# WHAT YOU HAVE TO DO
Whenever a line of the entries below holds the string "SweptSolid", copy that line and return it.

(Stored data)
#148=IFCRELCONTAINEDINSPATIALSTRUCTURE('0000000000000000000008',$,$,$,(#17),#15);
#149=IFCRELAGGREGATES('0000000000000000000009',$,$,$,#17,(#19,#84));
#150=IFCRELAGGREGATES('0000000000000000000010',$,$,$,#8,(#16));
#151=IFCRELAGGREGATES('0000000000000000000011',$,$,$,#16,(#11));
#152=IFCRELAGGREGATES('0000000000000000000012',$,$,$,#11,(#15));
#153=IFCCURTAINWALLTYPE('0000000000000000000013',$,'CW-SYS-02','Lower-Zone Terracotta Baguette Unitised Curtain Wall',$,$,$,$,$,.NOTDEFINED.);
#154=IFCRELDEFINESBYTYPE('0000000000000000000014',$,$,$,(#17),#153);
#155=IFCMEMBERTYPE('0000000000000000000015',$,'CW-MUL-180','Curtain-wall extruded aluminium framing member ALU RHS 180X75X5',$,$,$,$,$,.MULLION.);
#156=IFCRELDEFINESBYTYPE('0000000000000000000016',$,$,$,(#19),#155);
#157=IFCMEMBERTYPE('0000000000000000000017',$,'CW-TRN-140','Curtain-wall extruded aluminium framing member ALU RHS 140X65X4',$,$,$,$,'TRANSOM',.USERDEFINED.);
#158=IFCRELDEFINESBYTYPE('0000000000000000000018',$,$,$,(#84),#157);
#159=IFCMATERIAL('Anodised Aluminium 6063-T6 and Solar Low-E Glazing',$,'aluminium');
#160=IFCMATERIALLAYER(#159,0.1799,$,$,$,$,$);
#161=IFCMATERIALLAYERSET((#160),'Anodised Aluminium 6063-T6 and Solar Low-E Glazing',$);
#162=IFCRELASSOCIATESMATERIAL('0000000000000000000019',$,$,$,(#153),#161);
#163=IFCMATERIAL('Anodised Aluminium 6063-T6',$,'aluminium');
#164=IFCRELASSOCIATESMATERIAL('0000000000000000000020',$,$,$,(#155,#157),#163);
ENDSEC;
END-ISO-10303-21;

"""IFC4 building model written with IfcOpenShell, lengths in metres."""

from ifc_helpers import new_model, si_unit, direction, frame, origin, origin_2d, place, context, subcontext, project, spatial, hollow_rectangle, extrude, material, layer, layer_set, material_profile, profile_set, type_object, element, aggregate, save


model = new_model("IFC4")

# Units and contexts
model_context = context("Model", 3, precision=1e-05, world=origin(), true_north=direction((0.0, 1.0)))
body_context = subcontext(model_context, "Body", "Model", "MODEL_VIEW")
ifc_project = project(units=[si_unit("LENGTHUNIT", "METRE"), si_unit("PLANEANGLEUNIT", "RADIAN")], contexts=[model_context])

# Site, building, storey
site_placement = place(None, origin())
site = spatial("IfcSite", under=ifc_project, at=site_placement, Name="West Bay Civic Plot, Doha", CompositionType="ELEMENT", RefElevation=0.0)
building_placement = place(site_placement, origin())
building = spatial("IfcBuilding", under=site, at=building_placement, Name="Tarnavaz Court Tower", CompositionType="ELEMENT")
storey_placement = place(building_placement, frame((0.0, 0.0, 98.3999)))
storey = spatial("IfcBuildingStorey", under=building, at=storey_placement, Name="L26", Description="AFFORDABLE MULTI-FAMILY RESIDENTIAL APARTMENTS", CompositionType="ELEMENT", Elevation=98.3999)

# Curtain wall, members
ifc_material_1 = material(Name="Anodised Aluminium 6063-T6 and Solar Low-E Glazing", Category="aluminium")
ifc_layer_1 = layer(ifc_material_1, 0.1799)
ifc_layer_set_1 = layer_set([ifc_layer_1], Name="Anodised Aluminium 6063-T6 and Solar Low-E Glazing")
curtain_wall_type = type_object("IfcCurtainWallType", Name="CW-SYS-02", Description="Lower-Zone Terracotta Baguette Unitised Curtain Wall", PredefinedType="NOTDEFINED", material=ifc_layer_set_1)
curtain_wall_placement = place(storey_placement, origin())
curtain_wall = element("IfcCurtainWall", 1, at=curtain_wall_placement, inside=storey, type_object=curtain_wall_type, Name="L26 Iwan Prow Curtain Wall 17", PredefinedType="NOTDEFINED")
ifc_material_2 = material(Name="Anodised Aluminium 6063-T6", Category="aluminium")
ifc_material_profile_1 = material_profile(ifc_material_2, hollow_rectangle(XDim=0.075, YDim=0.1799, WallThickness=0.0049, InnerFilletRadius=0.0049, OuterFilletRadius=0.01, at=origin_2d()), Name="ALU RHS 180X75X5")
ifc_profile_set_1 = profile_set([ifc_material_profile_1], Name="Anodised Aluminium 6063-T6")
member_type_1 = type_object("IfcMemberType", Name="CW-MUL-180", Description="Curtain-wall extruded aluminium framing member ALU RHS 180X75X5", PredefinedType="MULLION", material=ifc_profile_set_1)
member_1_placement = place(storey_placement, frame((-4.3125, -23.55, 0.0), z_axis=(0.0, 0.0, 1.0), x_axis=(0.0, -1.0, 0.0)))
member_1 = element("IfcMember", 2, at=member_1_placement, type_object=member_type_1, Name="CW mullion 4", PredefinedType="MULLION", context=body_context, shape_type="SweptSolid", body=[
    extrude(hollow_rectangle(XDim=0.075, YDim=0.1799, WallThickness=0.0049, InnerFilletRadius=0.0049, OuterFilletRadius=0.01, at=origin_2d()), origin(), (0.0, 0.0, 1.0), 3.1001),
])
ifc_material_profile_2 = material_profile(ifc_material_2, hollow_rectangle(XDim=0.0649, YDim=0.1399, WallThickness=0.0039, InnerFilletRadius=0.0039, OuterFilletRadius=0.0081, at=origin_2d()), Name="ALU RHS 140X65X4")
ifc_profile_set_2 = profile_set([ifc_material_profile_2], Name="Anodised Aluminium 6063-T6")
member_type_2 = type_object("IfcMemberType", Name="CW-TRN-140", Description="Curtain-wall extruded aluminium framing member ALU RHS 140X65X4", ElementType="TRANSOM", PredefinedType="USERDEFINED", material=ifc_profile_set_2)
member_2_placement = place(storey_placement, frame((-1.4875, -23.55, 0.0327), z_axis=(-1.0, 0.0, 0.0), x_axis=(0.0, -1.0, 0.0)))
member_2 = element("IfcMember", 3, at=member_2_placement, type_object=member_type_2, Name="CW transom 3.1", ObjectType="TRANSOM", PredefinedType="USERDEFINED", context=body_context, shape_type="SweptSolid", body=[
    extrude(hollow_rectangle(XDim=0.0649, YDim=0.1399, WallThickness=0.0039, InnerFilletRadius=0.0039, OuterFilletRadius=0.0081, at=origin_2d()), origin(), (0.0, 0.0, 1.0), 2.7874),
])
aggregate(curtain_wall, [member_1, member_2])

# RESULT OF THIS TASK
member_1 = element("IfcMember", 2, at=member_1_placement, type_object=member_type_1, Name="CW mullion 4", PredefinedType="MULLION", context=body_context, shape_type="SweptSolid", body=[
member_2 = element("IfcMember", 3, at=member_2_placement, type_object=member_type_2, Name="CW transom 3.1", ObjectType="TRANSOM", PredefinedType="USERDEFINED", context=body_context, shape_type="SweptSolid", body=[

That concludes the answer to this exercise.